> **EXERCISE AIM**
For this exercise, repeat the listing below from its first line through the line containing "#128=IFCINDEXEDPOLYGONALFACE((9,17,18,10));", exactly as written.
- Opening Delimiter -
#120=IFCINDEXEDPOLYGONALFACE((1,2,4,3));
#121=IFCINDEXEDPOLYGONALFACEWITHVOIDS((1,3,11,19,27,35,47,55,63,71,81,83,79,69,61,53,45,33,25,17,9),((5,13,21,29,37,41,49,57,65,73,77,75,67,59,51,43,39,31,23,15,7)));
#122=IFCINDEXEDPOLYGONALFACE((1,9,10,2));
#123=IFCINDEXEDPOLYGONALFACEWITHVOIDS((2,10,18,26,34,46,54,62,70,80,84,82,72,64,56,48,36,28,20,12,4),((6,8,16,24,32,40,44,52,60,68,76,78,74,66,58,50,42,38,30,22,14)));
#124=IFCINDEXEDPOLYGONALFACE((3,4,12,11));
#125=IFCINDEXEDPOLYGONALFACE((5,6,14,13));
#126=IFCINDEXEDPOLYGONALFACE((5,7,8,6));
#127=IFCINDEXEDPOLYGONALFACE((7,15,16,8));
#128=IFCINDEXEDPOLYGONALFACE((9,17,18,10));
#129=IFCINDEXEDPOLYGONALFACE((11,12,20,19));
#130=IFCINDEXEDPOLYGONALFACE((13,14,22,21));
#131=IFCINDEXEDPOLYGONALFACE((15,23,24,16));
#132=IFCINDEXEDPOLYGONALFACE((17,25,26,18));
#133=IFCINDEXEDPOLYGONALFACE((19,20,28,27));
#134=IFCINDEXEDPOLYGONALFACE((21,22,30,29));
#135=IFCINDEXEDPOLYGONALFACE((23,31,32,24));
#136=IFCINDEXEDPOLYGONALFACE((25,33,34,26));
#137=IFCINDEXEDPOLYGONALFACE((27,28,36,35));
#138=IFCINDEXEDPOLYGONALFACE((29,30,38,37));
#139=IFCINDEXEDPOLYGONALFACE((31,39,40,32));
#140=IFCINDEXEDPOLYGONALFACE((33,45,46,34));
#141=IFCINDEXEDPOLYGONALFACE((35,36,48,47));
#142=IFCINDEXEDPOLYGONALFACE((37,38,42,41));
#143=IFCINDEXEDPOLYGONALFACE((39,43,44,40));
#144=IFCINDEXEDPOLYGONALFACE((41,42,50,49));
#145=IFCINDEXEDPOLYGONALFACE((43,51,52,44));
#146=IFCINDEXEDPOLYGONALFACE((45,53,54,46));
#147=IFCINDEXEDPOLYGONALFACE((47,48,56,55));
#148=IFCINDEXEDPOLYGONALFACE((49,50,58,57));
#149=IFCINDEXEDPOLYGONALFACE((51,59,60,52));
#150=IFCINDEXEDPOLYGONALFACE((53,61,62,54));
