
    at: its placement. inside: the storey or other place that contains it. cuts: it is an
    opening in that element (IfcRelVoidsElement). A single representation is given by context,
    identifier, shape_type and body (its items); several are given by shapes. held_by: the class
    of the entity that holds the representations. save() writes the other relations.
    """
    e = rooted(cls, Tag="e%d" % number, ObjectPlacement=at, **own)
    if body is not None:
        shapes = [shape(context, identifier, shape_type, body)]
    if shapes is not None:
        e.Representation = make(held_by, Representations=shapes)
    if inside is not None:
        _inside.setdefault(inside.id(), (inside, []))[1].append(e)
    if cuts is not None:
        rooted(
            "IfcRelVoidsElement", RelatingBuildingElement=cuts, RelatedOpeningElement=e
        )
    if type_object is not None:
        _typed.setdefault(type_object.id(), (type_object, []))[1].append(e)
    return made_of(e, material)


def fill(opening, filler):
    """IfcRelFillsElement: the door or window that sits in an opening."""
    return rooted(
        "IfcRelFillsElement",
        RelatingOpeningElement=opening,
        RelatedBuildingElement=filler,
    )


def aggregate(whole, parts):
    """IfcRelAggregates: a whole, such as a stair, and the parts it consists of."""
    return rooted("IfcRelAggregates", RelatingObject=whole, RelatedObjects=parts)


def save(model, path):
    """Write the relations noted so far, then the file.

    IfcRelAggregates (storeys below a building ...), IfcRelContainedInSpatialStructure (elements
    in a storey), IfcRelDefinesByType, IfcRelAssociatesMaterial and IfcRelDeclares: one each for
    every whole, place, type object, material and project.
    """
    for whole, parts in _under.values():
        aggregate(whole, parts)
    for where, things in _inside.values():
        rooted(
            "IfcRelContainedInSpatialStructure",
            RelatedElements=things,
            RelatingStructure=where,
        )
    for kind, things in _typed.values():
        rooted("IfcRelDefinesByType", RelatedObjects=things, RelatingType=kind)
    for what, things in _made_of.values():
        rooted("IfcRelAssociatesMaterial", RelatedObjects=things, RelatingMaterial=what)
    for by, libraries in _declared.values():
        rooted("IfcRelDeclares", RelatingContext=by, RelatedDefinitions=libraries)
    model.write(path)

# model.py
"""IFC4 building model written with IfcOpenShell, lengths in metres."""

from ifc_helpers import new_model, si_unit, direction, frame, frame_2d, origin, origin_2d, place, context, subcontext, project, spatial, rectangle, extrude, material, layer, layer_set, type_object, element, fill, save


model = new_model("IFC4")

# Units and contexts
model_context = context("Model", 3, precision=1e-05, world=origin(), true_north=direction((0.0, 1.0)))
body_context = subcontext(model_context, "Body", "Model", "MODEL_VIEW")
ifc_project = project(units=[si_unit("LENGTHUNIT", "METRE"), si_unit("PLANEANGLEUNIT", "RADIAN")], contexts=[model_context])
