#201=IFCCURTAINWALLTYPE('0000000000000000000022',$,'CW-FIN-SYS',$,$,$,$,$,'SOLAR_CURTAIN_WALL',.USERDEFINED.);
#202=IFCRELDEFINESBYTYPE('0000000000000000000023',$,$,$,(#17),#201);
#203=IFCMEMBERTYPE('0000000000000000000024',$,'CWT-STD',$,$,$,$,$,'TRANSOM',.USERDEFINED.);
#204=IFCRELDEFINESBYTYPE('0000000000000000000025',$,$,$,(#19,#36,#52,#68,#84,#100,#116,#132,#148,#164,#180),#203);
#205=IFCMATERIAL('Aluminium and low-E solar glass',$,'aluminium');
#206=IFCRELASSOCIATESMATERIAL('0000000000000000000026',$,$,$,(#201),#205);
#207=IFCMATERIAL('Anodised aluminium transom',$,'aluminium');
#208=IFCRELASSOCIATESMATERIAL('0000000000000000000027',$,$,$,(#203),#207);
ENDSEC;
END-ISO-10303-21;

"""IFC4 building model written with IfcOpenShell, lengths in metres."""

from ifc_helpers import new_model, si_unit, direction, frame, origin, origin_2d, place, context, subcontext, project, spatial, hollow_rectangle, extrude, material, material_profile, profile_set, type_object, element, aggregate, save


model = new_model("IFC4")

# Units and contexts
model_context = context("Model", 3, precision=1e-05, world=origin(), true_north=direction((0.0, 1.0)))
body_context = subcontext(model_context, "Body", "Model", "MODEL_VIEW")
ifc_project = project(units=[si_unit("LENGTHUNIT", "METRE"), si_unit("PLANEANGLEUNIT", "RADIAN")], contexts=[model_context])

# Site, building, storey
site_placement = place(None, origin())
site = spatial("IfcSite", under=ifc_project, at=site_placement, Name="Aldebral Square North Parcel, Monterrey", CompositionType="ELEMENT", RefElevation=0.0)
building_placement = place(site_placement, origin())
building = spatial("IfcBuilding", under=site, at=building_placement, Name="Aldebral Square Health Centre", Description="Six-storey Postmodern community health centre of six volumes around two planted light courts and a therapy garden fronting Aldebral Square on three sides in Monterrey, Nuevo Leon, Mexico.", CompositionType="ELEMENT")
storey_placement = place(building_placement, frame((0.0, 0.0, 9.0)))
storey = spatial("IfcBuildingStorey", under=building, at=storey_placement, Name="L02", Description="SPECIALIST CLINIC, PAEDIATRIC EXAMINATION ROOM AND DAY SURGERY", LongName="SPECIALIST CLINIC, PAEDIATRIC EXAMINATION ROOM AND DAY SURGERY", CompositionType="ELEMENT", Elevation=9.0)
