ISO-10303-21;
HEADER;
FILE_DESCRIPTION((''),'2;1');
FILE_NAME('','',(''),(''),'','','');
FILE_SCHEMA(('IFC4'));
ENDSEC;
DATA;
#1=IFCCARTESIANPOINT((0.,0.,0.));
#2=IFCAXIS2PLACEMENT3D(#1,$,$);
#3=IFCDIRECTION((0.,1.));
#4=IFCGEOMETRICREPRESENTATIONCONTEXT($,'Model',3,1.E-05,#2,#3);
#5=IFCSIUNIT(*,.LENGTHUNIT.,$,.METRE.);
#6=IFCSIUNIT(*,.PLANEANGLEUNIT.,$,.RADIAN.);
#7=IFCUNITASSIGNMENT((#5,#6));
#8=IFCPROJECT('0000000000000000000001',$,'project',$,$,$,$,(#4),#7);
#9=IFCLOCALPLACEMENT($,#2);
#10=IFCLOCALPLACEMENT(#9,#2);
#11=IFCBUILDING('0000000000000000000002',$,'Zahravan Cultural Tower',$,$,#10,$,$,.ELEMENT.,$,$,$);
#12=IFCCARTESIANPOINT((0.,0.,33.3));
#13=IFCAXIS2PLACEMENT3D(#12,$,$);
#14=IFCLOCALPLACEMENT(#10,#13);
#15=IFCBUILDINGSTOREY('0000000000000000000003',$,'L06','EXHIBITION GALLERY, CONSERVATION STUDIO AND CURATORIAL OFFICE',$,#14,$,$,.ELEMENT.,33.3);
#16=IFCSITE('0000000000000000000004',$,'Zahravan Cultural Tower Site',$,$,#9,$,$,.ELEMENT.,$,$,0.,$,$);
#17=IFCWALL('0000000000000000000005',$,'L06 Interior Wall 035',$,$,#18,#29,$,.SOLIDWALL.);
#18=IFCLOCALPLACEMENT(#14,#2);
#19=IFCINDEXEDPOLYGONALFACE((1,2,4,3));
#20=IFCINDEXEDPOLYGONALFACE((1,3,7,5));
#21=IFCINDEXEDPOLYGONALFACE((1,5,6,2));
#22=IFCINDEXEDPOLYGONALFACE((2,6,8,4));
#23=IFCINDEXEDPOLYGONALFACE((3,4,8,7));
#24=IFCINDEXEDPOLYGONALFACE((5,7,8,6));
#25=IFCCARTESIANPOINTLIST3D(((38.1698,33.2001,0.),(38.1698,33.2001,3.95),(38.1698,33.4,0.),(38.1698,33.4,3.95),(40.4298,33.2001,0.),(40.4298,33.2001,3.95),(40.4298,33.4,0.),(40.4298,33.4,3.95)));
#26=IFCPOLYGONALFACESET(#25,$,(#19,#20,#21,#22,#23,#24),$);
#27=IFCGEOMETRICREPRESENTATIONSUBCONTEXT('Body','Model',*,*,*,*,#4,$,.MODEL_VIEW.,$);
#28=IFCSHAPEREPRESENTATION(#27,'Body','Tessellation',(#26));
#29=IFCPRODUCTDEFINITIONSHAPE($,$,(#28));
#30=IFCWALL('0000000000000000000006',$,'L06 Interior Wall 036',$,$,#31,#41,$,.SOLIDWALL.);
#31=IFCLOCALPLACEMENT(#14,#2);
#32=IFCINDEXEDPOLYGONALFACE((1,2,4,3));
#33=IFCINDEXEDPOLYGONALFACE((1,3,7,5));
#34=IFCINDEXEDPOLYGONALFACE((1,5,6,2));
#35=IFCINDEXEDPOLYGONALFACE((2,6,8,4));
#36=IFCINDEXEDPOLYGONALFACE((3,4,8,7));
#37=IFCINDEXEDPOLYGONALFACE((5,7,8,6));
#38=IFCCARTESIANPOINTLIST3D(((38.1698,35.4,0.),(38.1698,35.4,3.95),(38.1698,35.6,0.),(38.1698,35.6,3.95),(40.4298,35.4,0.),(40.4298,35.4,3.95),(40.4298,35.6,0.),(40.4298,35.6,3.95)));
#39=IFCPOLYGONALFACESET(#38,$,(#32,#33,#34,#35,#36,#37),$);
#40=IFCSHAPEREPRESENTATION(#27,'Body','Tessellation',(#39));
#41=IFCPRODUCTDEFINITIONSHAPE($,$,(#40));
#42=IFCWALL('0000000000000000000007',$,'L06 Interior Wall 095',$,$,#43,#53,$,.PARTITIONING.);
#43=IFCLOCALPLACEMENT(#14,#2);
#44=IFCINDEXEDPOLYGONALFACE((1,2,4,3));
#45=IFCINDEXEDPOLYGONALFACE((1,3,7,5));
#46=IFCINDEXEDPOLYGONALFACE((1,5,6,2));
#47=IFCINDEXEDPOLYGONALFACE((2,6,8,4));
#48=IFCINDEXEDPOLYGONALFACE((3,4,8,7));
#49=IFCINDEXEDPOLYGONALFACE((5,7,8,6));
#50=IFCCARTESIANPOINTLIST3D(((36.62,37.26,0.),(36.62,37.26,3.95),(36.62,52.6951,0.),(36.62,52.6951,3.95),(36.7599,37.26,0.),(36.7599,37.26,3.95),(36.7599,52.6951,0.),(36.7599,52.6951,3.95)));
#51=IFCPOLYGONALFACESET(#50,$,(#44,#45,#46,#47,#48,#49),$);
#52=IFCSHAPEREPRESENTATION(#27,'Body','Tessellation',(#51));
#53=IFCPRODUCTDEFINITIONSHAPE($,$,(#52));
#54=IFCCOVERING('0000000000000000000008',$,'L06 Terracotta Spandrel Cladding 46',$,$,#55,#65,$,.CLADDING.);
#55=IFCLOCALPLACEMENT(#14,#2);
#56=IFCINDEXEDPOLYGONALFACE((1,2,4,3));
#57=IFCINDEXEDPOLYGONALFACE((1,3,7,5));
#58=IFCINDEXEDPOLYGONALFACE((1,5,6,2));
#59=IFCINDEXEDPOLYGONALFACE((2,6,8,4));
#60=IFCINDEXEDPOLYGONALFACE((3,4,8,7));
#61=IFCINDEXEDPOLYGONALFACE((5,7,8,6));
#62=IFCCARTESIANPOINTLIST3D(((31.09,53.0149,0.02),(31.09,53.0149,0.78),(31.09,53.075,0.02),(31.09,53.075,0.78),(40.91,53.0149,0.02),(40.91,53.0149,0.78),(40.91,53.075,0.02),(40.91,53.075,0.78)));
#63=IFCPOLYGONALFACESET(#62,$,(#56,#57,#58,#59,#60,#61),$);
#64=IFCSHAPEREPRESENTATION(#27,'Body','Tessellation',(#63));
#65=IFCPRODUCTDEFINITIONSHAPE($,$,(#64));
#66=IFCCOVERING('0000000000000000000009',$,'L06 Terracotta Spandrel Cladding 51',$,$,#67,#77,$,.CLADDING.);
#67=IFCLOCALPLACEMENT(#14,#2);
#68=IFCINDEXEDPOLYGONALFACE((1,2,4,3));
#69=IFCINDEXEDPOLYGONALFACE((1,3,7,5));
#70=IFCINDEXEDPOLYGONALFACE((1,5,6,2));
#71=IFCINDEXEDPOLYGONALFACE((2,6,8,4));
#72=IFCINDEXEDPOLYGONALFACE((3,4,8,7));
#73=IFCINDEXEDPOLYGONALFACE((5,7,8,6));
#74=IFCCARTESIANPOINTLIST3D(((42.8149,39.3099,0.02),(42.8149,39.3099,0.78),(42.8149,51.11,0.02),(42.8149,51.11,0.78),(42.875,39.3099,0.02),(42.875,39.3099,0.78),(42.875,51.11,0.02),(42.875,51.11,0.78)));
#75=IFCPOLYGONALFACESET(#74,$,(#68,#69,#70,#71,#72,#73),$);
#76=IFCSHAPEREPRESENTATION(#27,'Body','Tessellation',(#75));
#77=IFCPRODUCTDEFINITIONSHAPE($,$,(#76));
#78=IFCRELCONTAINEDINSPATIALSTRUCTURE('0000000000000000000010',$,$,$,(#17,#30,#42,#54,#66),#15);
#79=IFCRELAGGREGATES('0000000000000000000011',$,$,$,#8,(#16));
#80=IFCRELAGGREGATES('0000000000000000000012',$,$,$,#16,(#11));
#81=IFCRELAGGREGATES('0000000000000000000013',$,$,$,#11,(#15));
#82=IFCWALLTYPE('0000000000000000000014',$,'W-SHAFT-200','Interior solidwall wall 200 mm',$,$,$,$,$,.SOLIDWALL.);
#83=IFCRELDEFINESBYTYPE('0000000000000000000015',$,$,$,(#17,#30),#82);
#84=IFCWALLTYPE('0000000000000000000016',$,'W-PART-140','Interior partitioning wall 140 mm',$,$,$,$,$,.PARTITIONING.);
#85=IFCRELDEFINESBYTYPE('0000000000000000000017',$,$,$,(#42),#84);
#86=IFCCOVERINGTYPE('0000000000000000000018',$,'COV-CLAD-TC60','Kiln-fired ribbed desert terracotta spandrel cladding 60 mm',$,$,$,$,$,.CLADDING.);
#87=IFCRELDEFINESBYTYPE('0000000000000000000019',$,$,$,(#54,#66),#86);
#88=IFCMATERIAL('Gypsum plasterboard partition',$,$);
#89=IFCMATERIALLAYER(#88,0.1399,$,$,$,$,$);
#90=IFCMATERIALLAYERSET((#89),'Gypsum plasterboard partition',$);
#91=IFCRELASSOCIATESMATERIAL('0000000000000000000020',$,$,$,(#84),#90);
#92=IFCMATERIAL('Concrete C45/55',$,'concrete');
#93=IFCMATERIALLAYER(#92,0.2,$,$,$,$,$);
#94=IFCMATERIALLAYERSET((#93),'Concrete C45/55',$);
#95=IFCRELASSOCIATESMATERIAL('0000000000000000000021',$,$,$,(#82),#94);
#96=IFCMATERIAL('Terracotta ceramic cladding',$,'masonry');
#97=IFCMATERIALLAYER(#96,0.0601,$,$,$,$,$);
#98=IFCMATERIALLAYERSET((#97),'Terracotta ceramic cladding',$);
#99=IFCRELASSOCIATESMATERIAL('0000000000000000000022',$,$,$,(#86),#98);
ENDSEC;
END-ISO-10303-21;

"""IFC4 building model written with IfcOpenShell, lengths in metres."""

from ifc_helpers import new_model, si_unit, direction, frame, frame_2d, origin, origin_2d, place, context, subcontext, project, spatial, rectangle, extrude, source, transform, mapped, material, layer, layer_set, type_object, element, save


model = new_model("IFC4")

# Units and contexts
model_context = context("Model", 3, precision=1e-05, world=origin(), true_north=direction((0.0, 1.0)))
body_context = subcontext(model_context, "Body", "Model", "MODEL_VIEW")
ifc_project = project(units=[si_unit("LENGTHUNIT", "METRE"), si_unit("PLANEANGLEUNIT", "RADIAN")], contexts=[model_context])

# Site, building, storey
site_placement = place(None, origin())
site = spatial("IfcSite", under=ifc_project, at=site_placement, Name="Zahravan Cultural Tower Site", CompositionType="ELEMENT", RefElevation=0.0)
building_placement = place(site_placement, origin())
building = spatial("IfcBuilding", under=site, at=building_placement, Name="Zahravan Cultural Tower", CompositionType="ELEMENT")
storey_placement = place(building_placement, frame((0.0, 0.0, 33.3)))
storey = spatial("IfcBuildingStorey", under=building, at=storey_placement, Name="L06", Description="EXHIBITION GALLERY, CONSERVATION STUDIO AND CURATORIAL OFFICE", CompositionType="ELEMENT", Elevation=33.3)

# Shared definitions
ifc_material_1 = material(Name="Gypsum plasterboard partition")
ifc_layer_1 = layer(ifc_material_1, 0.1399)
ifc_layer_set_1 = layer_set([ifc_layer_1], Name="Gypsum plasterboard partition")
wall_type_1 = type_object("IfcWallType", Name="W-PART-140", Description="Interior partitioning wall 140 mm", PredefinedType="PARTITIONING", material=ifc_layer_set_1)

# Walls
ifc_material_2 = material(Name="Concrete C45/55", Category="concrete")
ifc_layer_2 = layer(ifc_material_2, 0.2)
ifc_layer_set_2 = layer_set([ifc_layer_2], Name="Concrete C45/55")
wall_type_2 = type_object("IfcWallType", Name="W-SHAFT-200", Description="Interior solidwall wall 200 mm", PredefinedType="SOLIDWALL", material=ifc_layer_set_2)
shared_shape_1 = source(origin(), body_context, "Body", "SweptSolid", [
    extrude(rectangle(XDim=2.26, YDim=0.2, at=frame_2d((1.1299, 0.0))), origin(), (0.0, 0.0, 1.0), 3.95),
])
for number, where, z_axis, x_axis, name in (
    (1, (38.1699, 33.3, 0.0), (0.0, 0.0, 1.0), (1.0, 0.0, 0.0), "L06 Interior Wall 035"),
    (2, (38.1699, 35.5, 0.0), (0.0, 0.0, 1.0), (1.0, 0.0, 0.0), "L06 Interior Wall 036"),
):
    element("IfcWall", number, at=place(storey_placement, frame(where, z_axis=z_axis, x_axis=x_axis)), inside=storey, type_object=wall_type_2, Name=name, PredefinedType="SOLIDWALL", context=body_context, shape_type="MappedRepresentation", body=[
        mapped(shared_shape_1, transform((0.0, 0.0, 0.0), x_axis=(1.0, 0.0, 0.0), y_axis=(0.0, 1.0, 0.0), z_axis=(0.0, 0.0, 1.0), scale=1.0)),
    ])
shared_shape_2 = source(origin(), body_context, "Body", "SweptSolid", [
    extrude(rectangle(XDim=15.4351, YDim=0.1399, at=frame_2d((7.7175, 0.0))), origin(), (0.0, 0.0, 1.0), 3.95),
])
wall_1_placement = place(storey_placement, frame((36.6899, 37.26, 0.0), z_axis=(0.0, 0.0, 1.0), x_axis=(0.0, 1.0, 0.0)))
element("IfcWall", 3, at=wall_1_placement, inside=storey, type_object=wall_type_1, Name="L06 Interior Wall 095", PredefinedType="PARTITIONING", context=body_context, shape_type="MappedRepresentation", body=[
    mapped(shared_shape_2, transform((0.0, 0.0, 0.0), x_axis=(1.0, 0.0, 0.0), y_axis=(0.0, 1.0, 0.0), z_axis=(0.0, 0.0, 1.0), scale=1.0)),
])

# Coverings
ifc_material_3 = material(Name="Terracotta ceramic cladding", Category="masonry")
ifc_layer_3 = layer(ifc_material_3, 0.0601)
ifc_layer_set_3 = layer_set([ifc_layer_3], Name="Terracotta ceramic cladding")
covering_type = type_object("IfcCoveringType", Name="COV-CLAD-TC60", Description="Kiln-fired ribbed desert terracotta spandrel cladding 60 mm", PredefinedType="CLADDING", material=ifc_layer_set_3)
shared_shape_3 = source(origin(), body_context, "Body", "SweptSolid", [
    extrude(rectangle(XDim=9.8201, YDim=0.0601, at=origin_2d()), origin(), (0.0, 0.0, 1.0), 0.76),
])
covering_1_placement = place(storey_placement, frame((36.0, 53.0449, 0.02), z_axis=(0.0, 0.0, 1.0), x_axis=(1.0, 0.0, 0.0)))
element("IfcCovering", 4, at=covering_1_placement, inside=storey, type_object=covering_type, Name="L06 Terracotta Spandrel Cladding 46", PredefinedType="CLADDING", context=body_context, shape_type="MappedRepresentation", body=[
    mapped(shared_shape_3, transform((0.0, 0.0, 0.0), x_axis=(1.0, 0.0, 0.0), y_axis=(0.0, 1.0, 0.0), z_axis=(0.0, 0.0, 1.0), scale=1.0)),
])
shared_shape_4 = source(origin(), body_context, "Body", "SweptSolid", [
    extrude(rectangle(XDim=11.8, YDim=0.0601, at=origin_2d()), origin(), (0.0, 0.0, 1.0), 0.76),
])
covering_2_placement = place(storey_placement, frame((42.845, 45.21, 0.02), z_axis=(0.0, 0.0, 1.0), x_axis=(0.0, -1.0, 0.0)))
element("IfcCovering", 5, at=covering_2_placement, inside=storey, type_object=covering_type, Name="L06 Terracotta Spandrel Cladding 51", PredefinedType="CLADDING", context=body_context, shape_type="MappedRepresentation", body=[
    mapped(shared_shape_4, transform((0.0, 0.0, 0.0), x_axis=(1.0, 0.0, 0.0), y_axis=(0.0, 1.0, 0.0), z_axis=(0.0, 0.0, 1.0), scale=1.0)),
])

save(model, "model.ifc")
- Closing Delimiter -
> **WRITTEN SOLUTION**
#120=IFCINDEXEDPOLYGONALFACE((1,2,4,3));
#121=IFCINDEXEDPOLYGONALFACEWITHVOIDS((1,3,11,19,27,35,47,55,63,71,81,83,79,69,61,53,45,33,25,17,9),((5,13,21,29,37,41,49,57,65,73,77,75,67,59,51,43,39,31,23,15,7)));
#122=IFCINDEXEDPOLYGONALFACE((1,9,10,2));
#123=IFCINDEXEDPOLYGONALFACEWITHVOIDS((2,10,18,26,34,46,54,62,70,80,84,82,72,64,56,48,36,28,20,12,4),((6,8,16,24,32,40,44,52,60,68,76,78,74,66,58,50,42,38,30,22,14)));
#124=IFCINDEXEDPOLYGONALFACE((3,4,12,11));
#125=IFCINDEXEDPOLYGONALFACE((5,6,14,13));
#126=IFCINDEXEDPOLYGONALFACE((5,7,8,6));
#127=IFCINDEXEDPOLYGONALFACE((7,15,16,8));
#128=IFCINDEXEDPOLYGONALFACE((9,17,18,10));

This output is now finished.